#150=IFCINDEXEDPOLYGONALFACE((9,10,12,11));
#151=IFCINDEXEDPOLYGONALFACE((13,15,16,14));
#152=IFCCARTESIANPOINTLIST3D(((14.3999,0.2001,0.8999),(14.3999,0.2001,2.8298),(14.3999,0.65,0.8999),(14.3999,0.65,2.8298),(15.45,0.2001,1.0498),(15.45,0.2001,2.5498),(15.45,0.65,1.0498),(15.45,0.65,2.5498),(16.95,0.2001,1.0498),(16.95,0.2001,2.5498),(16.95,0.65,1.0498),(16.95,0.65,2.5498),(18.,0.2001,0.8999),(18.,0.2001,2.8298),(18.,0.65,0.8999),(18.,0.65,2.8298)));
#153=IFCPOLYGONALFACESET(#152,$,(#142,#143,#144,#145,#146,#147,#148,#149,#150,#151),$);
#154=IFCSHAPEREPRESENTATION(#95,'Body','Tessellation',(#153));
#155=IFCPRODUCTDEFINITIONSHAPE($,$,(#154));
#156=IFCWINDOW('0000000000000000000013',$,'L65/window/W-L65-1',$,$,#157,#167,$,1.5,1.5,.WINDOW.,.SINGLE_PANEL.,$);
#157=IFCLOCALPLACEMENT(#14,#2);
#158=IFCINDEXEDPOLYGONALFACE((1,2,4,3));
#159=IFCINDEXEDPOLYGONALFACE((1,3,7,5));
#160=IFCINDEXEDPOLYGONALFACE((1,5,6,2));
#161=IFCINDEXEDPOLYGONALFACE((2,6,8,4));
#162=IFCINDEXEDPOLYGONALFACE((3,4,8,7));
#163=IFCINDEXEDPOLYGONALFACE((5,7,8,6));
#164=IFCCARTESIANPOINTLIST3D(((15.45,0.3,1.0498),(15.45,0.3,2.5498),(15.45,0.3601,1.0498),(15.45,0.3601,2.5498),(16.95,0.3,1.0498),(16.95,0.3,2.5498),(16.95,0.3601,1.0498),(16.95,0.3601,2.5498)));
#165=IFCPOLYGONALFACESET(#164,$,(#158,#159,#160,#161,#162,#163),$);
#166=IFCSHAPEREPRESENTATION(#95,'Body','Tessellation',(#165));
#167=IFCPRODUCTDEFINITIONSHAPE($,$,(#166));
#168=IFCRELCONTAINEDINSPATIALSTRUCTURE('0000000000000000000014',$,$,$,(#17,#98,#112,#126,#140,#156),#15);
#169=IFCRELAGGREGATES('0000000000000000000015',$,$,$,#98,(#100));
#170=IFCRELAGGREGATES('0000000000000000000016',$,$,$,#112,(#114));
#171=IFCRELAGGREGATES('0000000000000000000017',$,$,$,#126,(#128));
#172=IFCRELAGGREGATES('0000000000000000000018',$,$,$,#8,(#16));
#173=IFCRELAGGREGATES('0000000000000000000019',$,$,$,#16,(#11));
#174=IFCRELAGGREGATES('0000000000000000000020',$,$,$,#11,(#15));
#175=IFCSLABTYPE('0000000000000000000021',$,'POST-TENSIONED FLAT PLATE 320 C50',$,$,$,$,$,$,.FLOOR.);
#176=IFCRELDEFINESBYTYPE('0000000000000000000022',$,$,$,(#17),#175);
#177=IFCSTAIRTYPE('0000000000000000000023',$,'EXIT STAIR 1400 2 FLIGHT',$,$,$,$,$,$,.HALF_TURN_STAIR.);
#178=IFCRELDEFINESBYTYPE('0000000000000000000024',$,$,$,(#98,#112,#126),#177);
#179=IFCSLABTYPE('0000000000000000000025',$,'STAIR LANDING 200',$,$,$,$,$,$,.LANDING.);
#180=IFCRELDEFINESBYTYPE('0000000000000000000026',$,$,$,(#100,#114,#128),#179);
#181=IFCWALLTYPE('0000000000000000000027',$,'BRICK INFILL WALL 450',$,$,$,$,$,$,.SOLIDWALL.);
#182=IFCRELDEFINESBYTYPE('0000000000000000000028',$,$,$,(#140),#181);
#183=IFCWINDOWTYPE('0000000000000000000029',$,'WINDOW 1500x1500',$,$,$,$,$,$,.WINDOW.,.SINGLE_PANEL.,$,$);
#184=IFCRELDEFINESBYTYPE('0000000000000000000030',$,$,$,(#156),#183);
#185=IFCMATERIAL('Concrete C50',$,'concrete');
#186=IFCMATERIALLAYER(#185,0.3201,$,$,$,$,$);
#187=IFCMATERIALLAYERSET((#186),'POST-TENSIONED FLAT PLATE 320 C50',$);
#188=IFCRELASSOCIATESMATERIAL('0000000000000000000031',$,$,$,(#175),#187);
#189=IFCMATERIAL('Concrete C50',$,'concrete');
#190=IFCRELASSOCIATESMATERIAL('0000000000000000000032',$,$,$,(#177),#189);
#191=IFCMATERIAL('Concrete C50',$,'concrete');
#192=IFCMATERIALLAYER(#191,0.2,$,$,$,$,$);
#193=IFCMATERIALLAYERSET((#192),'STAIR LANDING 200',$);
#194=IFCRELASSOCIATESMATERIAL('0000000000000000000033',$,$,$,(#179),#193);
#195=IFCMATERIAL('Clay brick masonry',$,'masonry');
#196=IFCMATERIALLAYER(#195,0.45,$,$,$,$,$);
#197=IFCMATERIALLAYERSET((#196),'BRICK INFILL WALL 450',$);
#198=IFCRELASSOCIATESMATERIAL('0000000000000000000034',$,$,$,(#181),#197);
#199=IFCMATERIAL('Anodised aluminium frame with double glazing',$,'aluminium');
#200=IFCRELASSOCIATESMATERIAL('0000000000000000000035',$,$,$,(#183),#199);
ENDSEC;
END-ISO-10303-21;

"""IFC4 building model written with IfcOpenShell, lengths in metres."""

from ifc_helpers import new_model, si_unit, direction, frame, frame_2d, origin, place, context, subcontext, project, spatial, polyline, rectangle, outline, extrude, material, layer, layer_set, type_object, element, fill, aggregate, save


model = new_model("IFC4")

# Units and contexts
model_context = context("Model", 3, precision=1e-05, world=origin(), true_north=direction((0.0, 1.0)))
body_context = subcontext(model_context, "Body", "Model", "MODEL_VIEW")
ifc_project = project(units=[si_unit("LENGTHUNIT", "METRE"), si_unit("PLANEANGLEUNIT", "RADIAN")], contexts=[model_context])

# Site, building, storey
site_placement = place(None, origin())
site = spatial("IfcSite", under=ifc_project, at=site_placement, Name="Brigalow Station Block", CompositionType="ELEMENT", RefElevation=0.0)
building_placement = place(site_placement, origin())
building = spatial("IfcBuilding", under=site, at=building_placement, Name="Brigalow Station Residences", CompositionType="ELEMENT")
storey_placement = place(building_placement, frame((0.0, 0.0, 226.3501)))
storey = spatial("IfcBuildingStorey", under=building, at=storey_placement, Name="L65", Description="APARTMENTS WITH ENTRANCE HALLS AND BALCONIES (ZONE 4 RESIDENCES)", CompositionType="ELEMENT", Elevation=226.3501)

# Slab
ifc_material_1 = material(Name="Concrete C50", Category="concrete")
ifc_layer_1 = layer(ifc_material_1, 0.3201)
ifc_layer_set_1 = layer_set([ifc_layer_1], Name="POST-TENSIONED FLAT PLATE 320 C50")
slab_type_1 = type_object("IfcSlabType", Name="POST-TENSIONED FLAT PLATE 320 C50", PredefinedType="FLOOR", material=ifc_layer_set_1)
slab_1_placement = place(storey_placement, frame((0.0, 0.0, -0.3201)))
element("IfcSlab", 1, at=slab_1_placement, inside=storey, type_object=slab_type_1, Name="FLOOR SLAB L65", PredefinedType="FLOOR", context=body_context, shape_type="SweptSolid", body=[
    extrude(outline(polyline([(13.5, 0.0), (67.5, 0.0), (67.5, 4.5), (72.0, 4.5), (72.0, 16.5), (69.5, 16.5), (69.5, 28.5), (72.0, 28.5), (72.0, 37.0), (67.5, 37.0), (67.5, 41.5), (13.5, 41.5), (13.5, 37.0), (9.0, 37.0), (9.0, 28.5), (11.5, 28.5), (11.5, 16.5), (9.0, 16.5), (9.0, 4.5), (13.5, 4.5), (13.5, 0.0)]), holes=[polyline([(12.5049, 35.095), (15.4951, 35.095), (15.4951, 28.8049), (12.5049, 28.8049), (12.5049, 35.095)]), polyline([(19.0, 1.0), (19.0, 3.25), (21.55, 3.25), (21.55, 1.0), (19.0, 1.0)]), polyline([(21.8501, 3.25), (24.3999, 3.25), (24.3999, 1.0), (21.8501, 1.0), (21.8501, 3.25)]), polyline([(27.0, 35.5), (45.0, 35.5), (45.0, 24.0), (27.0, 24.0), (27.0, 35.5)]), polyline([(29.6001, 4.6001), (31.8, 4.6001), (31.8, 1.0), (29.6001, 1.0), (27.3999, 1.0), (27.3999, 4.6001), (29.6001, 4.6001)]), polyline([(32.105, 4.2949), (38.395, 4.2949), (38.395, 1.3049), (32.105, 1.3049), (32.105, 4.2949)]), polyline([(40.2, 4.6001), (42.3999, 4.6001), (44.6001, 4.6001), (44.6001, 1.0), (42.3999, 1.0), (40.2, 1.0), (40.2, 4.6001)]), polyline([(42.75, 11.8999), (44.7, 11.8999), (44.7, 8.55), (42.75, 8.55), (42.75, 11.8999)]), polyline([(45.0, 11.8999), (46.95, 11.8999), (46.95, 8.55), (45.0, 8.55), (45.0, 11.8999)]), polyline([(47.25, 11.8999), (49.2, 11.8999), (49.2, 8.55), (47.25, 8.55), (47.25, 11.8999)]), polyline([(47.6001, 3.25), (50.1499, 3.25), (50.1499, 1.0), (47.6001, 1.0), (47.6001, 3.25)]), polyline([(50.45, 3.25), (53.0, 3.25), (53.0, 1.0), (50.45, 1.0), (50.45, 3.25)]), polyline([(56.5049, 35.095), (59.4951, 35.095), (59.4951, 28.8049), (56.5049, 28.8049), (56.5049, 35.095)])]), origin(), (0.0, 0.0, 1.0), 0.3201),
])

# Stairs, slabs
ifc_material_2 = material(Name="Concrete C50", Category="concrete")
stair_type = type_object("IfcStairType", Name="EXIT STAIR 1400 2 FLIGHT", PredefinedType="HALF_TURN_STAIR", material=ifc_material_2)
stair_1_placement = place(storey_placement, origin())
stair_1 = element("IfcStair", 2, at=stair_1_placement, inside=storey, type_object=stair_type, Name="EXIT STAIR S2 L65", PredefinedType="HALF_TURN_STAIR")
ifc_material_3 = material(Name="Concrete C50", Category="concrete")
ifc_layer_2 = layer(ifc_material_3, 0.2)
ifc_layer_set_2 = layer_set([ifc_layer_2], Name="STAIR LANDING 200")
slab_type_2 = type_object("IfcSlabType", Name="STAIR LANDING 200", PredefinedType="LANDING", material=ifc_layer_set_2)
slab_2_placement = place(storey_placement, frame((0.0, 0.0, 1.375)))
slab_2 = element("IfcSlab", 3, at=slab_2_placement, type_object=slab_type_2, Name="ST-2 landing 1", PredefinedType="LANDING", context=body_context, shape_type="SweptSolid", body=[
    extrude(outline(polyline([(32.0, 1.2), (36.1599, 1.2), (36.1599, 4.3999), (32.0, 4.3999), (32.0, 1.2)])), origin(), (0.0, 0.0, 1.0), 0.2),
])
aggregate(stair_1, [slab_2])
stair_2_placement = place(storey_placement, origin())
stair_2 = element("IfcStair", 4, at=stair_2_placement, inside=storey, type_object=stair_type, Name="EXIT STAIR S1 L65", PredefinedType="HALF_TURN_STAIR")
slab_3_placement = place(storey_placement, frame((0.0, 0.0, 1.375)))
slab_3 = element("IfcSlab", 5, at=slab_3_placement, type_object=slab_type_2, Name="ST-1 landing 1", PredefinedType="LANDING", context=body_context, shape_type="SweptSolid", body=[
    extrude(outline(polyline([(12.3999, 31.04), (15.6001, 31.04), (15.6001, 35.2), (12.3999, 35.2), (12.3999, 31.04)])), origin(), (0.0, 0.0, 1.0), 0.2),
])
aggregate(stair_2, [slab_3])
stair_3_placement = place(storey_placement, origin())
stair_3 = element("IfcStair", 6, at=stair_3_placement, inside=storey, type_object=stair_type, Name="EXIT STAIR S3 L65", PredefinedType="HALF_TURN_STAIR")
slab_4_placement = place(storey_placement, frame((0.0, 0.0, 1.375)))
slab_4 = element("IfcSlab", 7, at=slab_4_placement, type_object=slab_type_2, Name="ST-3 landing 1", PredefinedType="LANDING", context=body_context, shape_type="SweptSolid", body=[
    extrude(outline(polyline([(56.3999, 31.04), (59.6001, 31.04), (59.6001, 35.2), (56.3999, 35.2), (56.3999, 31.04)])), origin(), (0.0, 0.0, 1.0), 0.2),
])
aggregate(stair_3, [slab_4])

§ Task to carry out:
What do the lines above say from the one containing "#163=IFCINDEXEDPOLYGONALFACE((5,7,8,6));" down to the one containing "#166=IFCSHAPEREPRESENTATION(#95,'Body','Tessellation',(#165));"? Return them exactly, both end lines included, and only them.

§ Answer box:
#163=IFCINDEXEDPOLYGONALFACE((5,7,8,6));
#164=IFCCARTESIANPOINTLIST3D(((15.45,0.3,1.0498),(15.45,0.3,2.5498),(15.45,0.3601,1.0498),(15.45,0.3601,2.5498),(16.95,0.3,1.0498),(16.95,0.3,2.5498),(16.95,0.3601,1.0498),(16.95,0.3601,2.5498)));
#165=IFCPOLYGONALFACESET(#164,$,(#158,#159,#160,#161,#162,#163),$);
#166=IFCSHAPEREPRESENTATION(#95,'Body','Tessellation',(#165));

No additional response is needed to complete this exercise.